(Beginning of Given data)

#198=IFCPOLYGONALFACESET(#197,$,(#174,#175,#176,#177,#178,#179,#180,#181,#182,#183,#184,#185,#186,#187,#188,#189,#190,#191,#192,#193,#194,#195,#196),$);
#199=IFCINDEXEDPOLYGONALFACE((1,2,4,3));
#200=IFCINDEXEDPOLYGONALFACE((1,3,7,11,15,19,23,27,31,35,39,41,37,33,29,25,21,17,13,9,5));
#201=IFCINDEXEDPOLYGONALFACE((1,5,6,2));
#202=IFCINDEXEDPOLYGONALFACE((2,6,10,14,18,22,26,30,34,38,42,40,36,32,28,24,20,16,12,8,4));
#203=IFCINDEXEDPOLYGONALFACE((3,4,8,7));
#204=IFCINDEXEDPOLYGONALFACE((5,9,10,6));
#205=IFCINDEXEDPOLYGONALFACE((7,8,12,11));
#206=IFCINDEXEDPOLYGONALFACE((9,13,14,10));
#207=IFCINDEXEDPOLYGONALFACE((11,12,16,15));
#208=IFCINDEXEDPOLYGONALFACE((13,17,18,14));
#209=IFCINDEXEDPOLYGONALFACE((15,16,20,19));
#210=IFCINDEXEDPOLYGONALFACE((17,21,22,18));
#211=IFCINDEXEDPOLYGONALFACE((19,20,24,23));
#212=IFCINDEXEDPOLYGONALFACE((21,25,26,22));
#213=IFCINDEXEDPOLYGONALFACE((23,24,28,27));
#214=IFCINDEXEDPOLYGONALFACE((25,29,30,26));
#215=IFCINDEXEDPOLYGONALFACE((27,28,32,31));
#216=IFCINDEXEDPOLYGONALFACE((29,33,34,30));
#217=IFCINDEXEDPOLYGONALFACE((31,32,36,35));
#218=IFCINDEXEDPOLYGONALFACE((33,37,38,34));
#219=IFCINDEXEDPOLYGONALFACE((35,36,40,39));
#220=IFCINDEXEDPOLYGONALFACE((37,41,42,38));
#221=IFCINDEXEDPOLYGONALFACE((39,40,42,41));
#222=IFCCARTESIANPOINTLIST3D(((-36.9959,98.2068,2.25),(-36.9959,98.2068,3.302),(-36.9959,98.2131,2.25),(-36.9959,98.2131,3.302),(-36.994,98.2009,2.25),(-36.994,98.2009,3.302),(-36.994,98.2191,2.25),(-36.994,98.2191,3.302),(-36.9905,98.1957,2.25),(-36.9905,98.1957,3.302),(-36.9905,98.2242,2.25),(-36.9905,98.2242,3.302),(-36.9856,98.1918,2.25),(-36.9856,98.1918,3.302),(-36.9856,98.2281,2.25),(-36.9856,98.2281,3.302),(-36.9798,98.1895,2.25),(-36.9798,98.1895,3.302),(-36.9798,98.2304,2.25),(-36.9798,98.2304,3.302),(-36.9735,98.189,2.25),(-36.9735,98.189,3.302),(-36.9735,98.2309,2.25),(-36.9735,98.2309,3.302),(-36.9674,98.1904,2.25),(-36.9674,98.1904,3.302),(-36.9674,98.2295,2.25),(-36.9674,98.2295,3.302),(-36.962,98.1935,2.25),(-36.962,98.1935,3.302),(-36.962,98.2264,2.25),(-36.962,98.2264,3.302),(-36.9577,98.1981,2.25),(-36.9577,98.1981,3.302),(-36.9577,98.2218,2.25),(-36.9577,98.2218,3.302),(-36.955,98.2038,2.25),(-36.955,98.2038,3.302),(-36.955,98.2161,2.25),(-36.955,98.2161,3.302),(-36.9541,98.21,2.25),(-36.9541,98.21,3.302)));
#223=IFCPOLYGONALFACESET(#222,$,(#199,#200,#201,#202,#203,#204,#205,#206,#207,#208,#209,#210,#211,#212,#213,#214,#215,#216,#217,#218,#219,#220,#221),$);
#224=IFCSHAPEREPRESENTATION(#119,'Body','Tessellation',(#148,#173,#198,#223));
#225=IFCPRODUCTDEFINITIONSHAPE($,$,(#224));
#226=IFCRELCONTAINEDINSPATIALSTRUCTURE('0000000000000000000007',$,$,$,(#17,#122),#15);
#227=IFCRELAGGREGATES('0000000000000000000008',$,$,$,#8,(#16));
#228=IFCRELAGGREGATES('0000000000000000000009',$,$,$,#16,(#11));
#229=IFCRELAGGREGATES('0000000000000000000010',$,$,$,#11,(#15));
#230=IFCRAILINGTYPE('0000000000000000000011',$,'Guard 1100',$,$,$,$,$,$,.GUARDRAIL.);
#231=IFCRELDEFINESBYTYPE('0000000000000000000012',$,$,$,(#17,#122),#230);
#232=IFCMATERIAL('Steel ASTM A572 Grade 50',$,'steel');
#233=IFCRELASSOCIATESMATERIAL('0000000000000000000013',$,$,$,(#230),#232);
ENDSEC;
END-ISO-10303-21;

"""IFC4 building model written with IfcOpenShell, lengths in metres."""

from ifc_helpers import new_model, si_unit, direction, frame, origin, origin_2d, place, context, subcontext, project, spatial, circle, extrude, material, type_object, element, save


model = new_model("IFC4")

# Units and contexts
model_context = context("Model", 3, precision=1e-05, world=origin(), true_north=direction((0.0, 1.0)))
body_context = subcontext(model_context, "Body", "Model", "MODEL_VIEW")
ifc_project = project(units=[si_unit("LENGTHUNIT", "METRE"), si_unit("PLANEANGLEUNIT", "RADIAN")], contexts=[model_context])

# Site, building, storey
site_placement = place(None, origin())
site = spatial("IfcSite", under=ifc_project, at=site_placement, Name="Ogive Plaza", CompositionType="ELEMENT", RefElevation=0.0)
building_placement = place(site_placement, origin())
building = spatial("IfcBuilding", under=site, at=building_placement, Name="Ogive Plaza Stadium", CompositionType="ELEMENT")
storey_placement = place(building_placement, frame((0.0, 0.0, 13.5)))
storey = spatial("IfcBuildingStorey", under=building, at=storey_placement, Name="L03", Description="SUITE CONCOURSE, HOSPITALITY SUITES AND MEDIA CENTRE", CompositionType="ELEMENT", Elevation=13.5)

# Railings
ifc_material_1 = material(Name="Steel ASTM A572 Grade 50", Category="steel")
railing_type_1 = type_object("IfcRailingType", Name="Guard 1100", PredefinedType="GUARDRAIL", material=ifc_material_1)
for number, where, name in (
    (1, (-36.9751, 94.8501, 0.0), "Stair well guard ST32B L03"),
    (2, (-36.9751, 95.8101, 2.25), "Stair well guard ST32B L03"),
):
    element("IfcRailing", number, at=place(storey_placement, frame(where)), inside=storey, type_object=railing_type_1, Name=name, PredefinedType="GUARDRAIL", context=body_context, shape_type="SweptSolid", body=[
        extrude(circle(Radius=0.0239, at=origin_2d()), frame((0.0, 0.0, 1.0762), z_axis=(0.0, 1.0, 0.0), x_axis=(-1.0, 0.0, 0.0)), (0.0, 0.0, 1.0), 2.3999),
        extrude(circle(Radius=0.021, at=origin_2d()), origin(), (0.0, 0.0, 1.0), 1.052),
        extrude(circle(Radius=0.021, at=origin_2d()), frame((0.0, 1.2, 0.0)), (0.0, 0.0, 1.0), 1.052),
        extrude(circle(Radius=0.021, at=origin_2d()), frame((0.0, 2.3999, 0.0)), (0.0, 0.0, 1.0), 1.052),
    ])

(End of Given data)

• **Exercise instructions**
Would you set down every entry again, exactly?

• **Response to this exercise**
#198=IFCPOLYGONALFACESET(#197,$,(#174,#175,#176,#177,#178,#179,#180,#181,#182,#183,#184,#185,#186,#187,#188,#189,#190,#191,#192,#193,#194,#195,#196),$);
#199=IFCINDEXEDPOLYGONALFACE((1,2,4,3));
#200=IFCINDEXEDPOLYGONALFACE((1,3,7,11,15,19,23,27,31,35,39,41,37,33,29,25,21,17,13,9,5));
#201=IFCINDEXEDPOLYGONALFACE((1,5,6,2));
#202=IFCINDEXEDPOLYGONALFACE((2,6,10,14,18,22,26,30,34,38,42,40,36,32,28,24,20,16,12,8,4));
#203=IFCINDEXEDPOLYGONALFACE((3,4,8,7));
#204=IFCINDEXEDPOLYGONALFACE((5,9,10,6));
#205=IFCINDEXEDPOLYGONALFACE((7,8,12,11));
#206=IFCINDEXEDPOLYGONALFACE((9,13,14,10));
#207=IFCINDEXEDPOLYGONALFACE((11,12,16,15));
#208=IFCINDEXEDPOLYGONALFACE((13,17,18,14));
#209=IFCINDEXEDPOLYGONALFACE((15,16,20,19));
#210=IFCINDEXEDPOLYGONALFACE((17,21,22,18));
#211=IFCINDEXEDPOLYGONALFACE((19,20,24,23));
#212=IFCINDEXEDPOLYGONALFACE((21,25,26,22));
#213=IFCINDEXEDPOLYGONALFACE((23,24,28,27));
#214=IFCINDEXEDPOLYGONALFACE((25,29,30,26));
#215=IFCINDEXEDPOLYGONALFACE((27,28,32,31));
#216=IFCINDEXEDPOLYGONALFACE((29,33,34,30));
#217=IFCINDEXEDPOLYGONALFACE((31,32,36,35));
#218=IFCINDEXEDPOLYGONALFACE((33,37,38,34));
#219=IFCINDEXEDPOLYGONALFACE((35,36,40,39));
#220=IFCINDEXEDPOLYGONALFACE((37,41,42,38));
#221=IFCINDEXEDPOLYGONALFACE((39,40,42,41));
#222=IFCCARTESIANPOINTLIST3D(((-36.9959,98.2068,2.25),(-36.9959,98.2068,3.302),(-36.9959,98.2131,2.25),(-36.9959,98.2131,3.302),(-36.994,98.2009,2.25),(-36.994,98.2009,3.302),(-36.994,98.2191,2.25),(-36.994,98.2191,3.302),(-36.9905,98.1957,2.25),(-36.9905,98.1957,3.302),(-36.9905,98.2242,2.25),(-36.9905,98.2242,3.302),(-36.9856,98.1918,2.25),(-36.9856,98.1918,3.302),(-36.9856,98.2281,2.25),(-36.9856,98.2281,3.302),(-36.9798,98.1895,2.25),(-36.9798,98.1895,3.302),(-36.9798,98.2304,2.25),(-36.9798,98.2304,3.302),(-36.9735,98.189,2.25),(-36.9735,98.189,3.302),(-36.9735,98.2309,2.25),(-36.9735,98.2309,3.302),(-36.9674,98.1904,2.25),(-36.9674,98.1904,3.302),(-36.9674,98.2295,2.25),(-36.9674,98.2295,3.302),(-36.962,98.1935,2.25),(-36.962,98.1935,3.302),(-36.962,98.2264,2.25),(-36.962,98.2264,3.302),(-36.9577,98.1981,2.25),(-36.9577,98.1981,3.302),(-36.9577,98.2218,2.25),(-36.9577,98.2218,3.302),(-36.955,98.2038,2.25),(-36.955,98.2038,3.302),(-36.955,98.2161,2.25),(-36.955,98.2161,3.302),(-36.9541,98.21,2.25),(-36.9541,98.21,3.302)));
#223=IFCPOLYGONALFACESET(#222,$,(#199,#200,#201,#202,#203,#204,#205,#206,#207,#208,#209,#210,#211,#212,#213,#214,#215,#216,#217,#218,#219,#220,#221),$);
#224=IFCSHAPEREPRESENTATION(#119,'Body','Tessellation',(#148,#173,#198,#223));
#225=IFCPRODUCTDEFINITIONSHAPE($,$,(#224));
#226=IFCRELCONTAINEDINSPATIALSTRUCTURE('0000000000000000000007',$,$,$,(#17,#122),#15);
#227=IFCRELAGGREGATES('0000000000000000000008',$,$,$,#8,(#16));
#228=IFCRELAGGREGATES('0000000000000000000009',$,$,$,#16,(#11));
#229=IFCRELAGGREGATES('0000000000000000000010',$,$,$,#11,(#15));
#230=IFCRAILINGTYPE('0000000000000000000011',$,'Guard 1100',$,$,$,$,$,$,.GUARDRAIL.);
#231=IFCRELDEFINESBYTYPE('0000000000000000000012',$,$,$,(#17,#122),#230);
#232=IFCMATERIAL('Steel ASTM A572 Grade 50',$,'steel');
#233=IFCRELASSOCIATESMATERIAL('0000000000000000000013',$,$,$,(#230),#232);
ENDSEC;
END-ISO-10303-21;

"""IFC4 building model written with IfcOpenShell, lengths in metres."""

from ifc_helpers import new_model, si_unit, direction, frame, origin, origin_2d, place, context, subcontext, project, spatial, circle, extrude, material, type_object, element, save


model = new_model("IFC4")

# Units and contexts
model_context = context("Model", 3, precision=1e-05, world=origin(), true_north=direction((0.0, 1.0)))
body_context = subcontext(model_context, "Body", "Model", "MODEL_VIEW")
ifc_project = project(units=[si_unit("LENGTHUNIT", "METRE"), si_unit("PLANEANGLEUNIT", "RADIAN")], contexts=[model_context])

# Site, building, storey
site_placement = place(None, origin())
site = spatial("IfcSite", under=ifc_project, at=site_placement, Name="Ogive Plaza", CompositionType="ELEMENT", RefElevation=0.0)
building_placement = place(site_placement, origin())
building = spatial("IfcBuilding", under=site, at=building_placement, Name="Ogive Plaza Stadium", CompositionType="ELEMENT")
storey_placement = place(building_placement, frame((0.0, 0.0, 13.5)))
storey = spatial("IfcBuildingStorey", under=building, at=storey_placement, Name="L03", Description="SUITE CONCOURSE, HOSPITALITY SUITES AND MEDIA CENTRE", CompositionType="ELEMENT", Elevation=13.5)

# Railings
ifc_material_1 = material(Name="Steel ASTM A572 Grade 50", Category="steel")
railing_type_1 = type_object("IfcRailingType", Name="Guard 1100", PredefinedType="GUARDRAIL", material=ifc_material_1)
for number, where, name in (
    (1, (-36.9751, 94.8501, 0.0), "Stair well guard ST32B L03"),
    (2, (-36.9751, 95.8101, 2.25), "Stair well guard ST32B L03"),
):
    element("IfcRailing", number, at=place(storey_placement, frame(where)), inside=storey, type_object=railing_type_1, Name=name, PredefinedType="GUARDRAIL", context=body_context, shape_type="SweptSolid", body=[
        extrude(circle(Radius=0.0239, at=origin_2d()), frame((0.0, 0.0, 1.0762), z_axis=(0.0, 1.0, 0.0), x_axis=(-1.0, 0.0, 0.0)), (0.0, 0.0, 1.0), 2.3999),
        extrude(circle(Radius=0.021, at=origin_2d()), origin(), (0.0, 0.0, 1.0), 1.052),
        extrude(circle(Radius=0.021, at=origin_2d()), frame((0.0, 1.2, 0.0)), (0.0, 0.0, 1.0), 1.052),
        extrude(circle(Radius=0.021, at=origin_2d()), frame((0.0, 2.3999, 0.0)), (0.0, 0.0, 1.0), 1.052),
    ])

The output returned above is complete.